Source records
--- START ---
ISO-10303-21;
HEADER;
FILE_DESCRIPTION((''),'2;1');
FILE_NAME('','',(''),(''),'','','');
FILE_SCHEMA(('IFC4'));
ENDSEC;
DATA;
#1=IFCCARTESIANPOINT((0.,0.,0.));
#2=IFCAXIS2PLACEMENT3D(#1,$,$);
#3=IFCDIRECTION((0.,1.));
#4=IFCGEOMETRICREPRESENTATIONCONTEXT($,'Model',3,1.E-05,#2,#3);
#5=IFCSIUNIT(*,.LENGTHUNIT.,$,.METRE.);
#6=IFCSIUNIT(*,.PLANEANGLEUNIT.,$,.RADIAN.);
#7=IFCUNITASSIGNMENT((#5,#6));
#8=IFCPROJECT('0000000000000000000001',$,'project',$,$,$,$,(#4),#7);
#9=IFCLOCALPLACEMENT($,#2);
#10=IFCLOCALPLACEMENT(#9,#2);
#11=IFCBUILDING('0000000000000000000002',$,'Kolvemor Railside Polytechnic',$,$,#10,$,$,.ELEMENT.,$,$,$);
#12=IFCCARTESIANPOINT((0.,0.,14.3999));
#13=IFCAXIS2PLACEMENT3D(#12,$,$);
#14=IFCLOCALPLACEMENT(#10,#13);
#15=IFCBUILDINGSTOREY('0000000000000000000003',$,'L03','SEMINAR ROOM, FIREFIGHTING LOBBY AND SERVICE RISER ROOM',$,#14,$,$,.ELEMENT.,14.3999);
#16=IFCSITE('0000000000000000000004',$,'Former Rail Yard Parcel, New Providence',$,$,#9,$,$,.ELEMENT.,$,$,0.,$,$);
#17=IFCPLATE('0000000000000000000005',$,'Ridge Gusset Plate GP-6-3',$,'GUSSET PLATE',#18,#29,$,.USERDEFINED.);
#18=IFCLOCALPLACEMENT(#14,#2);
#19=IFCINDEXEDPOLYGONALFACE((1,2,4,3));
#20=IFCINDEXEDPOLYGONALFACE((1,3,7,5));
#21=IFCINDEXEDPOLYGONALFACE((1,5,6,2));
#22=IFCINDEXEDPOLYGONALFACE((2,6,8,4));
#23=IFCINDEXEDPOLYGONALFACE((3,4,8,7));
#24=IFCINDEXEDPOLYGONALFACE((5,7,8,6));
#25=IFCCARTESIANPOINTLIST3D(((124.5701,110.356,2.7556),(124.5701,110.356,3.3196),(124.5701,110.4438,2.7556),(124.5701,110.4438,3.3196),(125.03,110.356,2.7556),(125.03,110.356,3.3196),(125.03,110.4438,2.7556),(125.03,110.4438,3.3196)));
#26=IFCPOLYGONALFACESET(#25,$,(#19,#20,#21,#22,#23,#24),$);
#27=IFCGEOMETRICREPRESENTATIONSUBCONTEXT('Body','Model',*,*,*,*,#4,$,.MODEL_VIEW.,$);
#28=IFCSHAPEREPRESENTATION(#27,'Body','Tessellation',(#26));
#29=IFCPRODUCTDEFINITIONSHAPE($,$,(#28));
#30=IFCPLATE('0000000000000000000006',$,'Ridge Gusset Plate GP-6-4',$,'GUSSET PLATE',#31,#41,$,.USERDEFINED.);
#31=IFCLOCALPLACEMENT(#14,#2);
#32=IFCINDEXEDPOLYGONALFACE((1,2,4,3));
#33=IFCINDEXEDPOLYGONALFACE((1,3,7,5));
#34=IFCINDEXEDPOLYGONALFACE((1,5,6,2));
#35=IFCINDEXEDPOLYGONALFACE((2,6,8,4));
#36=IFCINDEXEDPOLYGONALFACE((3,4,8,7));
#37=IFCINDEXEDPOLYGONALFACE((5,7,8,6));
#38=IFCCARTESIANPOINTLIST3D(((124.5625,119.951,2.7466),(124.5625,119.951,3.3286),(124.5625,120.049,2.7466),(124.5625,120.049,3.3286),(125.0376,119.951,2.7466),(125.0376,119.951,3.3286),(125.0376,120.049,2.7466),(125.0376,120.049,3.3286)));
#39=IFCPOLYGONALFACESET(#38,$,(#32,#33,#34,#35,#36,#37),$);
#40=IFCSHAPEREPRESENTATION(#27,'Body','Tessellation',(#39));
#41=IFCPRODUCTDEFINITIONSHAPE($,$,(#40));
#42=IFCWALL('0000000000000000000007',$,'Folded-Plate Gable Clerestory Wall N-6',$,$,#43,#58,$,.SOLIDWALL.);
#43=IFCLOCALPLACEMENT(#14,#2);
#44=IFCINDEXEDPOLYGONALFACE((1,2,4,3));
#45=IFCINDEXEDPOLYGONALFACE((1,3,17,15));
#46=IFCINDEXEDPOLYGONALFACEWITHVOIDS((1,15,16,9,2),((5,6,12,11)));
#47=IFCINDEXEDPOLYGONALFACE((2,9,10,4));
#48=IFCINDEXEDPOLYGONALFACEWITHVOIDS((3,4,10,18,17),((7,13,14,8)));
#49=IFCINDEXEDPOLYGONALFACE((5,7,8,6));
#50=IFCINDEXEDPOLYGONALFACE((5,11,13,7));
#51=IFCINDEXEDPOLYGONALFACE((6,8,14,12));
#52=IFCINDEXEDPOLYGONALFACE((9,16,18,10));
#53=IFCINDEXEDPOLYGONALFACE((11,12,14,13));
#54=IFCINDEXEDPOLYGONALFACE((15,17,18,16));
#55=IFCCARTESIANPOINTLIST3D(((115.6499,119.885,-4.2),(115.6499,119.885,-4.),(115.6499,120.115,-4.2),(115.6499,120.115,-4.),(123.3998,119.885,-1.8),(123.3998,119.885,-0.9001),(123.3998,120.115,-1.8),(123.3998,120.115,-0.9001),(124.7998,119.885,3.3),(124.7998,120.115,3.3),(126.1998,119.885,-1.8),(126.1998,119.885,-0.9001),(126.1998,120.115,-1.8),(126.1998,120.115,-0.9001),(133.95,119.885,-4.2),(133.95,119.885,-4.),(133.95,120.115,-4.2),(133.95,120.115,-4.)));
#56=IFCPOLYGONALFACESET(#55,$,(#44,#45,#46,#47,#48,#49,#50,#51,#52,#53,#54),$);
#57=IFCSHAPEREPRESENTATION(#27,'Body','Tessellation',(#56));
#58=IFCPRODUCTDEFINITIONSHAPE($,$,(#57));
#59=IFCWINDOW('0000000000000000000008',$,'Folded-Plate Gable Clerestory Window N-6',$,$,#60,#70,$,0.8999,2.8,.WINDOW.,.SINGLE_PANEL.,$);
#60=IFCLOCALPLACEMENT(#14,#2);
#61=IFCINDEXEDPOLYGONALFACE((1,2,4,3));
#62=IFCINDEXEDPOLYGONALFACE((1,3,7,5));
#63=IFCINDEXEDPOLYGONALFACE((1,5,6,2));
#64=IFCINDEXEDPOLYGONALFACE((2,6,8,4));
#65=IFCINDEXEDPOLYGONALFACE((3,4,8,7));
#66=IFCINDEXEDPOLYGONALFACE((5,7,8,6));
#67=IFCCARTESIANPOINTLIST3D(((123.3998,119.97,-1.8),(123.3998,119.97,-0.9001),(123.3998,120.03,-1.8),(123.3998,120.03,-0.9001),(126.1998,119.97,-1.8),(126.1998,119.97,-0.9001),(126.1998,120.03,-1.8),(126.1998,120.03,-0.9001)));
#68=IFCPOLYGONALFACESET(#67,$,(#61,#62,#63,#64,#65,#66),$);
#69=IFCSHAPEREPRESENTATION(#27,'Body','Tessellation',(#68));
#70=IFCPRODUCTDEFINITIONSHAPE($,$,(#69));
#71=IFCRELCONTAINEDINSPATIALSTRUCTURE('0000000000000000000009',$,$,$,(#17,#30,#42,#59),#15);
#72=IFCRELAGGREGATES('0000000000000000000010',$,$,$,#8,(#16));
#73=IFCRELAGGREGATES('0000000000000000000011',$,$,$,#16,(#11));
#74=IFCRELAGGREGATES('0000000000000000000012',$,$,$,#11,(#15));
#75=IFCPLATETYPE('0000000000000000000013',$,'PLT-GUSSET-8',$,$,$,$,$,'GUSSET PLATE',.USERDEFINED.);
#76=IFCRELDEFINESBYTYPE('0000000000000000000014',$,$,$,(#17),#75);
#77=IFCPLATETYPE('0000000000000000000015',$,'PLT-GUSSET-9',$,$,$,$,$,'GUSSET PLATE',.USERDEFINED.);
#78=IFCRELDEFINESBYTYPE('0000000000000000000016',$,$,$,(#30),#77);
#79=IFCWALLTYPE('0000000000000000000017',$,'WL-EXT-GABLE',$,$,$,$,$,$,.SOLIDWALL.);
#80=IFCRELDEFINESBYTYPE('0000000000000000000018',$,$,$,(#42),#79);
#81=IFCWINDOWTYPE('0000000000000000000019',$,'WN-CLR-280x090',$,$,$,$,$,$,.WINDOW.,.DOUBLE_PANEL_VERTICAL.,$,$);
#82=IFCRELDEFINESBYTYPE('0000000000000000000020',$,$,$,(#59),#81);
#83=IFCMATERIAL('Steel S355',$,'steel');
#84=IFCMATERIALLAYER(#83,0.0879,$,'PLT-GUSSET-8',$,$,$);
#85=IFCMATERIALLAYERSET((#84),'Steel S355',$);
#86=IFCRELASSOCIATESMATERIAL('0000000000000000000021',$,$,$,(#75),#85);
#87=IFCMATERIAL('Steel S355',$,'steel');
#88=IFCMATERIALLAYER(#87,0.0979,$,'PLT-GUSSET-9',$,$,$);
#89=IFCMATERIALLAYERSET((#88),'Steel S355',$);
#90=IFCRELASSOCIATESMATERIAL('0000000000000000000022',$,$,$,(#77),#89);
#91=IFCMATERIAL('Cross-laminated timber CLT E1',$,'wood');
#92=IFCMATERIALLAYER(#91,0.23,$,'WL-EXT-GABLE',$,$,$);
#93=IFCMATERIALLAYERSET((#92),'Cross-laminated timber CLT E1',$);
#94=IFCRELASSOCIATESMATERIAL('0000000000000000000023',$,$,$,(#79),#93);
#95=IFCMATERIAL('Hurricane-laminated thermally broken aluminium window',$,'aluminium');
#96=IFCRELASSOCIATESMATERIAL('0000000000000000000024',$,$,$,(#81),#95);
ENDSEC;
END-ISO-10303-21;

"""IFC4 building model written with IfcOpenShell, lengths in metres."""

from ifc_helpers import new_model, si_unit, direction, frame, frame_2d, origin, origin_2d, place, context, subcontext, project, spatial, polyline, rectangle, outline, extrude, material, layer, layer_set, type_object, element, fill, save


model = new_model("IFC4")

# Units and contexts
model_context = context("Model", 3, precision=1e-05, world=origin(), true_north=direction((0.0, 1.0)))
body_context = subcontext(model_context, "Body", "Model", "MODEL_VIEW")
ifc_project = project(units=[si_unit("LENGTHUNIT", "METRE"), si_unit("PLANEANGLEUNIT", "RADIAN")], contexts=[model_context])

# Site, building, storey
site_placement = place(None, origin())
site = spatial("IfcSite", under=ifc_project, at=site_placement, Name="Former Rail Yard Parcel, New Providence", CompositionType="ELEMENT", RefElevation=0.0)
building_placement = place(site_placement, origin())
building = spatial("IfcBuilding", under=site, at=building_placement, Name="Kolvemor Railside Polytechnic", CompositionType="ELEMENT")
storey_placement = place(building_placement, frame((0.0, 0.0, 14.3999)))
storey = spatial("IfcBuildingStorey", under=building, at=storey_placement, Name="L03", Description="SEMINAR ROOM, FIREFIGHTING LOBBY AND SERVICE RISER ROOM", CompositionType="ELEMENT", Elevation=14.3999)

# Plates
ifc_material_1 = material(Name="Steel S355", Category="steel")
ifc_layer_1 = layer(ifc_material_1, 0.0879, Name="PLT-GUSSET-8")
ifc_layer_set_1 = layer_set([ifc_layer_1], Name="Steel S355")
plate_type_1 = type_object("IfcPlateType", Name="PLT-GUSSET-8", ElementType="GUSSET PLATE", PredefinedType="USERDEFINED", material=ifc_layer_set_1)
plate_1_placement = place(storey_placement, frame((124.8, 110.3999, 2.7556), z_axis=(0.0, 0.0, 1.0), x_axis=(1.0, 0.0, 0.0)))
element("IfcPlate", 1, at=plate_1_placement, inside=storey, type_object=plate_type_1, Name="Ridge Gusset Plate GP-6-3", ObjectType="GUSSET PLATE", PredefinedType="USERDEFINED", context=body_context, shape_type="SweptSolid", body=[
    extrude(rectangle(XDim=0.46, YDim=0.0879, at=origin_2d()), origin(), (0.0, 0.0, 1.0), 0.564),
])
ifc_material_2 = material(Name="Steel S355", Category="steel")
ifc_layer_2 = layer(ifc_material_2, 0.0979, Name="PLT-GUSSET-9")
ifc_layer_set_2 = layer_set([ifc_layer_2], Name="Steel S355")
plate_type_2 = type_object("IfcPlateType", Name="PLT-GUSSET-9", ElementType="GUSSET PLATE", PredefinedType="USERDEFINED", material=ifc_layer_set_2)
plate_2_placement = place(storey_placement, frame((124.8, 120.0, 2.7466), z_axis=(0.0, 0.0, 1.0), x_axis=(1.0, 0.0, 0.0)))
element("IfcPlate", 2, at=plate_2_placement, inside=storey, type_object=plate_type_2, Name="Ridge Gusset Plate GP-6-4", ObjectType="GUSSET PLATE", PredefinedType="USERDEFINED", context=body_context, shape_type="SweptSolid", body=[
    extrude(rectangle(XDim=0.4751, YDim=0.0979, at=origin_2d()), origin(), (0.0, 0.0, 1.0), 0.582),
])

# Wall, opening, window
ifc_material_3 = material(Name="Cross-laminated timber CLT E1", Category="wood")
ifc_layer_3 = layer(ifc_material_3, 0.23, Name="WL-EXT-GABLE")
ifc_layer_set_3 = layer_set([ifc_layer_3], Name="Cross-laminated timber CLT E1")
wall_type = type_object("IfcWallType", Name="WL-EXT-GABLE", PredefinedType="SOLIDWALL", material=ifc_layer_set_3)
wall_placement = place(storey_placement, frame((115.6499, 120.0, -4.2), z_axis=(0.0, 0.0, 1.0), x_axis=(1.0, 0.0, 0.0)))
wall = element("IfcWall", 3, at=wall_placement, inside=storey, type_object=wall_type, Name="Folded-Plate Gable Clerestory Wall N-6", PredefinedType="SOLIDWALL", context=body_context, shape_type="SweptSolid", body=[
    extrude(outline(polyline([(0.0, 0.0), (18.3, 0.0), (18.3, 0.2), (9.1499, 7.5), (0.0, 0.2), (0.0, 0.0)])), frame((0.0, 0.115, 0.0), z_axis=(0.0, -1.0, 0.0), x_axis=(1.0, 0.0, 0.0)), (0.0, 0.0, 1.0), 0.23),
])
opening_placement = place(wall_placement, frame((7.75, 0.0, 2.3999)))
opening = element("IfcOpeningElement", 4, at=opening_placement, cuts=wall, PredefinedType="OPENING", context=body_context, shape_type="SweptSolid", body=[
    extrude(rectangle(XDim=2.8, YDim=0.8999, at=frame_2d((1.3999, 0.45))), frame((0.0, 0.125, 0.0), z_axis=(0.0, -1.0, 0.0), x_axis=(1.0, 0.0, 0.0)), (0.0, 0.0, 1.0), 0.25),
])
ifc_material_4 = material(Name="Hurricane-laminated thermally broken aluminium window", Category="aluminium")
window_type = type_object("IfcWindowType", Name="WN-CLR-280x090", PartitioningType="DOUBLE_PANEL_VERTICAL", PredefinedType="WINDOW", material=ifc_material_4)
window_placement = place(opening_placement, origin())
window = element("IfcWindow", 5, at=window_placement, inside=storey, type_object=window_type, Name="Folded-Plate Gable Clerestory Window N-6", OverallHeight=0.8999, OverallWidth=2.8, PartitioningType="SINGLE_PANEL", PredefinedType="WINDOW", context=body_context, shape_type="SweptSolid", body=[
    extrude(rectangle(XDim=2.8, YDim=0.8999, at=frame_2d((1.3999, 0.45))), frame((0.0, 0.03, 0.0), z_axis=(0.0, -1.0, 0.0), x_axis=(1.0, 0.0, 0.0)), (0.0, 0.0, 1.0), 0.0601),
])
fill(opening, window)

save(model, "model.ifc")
--- END ---
_Problem_: Using the entries shown above, reproduce verbatim the lines from the line bearing "#19=IFCINDEXEDPOLYGONALFACE((1,2,4,3));" to the line bearing "#24=IFCINDEXEDPOLYGONALFACE((5,7,8,6));", inclusive.

_Exercise output_:
#19=IFCINDEXEDPOLYGONALFACE((1,2,4,3));
#20=IFCINDEXEDPOLYGONALFACE((1,3,7,5));
#21=IFCINDEXEDPOLYGONALFACE((1,5,6,2));
#22=IFCINDEXEDPOLYGONALFACE((2,6,8,4));
#23=IFCINDEXEDPOLYGONALFACE((3,4,8,7));
#24=IFCINDEXEDPOLYGONALFACE((5,7,8,6));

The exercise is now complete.